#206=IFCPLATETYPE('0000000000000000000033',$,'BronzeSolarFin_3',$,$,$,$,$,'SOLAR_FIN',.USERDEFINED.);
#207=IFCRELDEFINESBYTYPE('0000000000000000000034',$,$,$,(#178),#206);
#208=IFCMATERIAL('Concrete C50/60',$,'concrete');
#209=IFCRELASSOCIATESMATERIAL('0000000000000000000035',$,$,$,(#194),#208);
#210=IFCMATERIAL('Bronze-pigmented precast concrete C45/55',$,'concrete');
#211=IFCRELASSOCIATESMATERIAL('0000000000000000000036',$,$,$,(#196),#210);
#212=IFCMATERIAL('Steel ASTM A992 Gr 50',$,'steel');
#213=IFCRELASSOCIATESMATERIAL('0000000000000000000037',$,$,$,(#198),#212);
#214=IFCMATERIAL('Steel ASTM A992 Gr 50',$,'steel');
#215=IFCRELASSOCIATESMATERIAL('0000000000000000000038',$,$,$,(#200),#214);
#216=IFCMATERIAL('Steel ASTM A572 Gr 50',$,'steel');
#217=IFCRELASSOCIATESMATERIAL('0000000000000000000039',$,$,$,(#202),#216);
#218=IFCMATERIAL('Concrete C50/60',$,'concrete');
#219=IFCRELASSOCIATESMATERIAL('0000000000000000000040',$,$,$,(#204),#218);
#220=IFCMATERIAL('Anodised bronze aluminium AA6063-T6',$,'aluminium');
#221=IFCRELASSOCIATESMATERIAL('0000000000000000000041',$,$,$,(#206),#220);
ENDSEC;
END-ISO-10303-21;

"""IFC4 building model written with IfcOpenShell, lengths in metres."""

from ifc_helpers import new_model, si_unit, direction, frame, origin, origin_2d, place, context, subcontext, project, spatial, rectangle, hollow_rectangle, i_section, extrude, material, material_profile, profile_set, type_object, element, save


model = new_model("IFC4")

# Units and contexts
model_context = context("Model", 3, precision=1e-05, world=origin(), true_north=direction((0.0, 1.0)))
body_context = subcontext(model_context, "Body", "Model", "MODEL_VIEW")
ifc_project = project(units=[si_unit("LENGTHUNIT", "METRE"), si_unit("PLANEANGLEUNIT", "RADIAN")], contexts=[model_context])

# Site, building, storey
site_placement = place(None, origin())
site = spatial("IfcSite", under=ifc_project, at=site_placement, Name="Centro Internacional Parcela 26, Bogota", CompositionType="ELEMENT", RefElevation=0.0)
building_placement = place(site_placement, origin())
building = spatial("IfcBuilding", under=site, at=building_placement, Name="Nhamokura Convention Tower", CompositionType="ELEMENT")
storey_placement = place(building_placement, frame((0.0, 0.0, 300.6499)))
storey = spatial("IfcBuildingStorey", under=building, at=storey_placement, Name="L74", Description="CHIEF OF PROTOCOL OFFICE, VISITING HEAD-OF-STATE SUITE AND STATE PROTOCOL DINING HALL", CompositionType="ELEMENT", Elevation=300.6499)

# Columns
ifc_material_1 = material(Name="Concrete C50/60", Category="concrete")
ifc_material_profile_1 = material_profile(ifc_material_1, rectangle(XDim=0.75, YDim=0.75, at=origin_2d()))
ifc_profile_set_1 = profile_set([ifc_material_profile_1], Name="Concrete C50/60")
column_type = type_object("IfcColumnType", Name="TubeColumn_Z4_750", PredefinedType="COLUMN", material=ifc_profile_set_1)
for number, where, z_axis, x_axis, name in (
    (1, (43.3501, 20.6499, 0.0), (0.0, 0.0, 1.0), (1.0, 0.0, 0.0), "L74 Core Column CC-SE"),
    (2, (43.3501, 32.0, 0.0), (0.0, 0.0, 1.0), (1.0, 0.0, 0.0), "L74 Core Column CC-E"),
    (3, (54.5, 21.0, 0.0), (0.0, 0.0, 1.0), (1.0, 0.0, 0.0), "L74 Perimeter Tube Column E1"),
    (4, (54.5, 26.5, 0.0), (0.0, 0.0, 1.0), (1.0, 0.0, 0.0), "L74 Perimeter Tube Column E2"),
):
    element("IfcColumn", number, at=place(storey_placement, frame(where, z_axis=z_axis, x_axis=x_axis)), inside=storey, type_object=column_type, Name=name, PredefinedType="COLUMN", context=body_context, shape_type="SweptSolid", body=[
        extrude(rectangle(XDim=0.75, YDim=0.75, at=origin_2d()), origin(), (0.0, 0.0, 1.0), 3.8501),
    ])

────────────────────

In the listing above, find every line with the word "subcontext" and copy it.

from ifc_helpers import new_model, si_unit, direction, frame, origin, origin_2d, place, context, subcontext, project, spatial, rectangle, hollow_rectangle, i_section, extrude, material, material_profile, profile_set, type_object, element, save
body_context = subcontext(model_context, "Body", "Model", "MODEL_VIEW")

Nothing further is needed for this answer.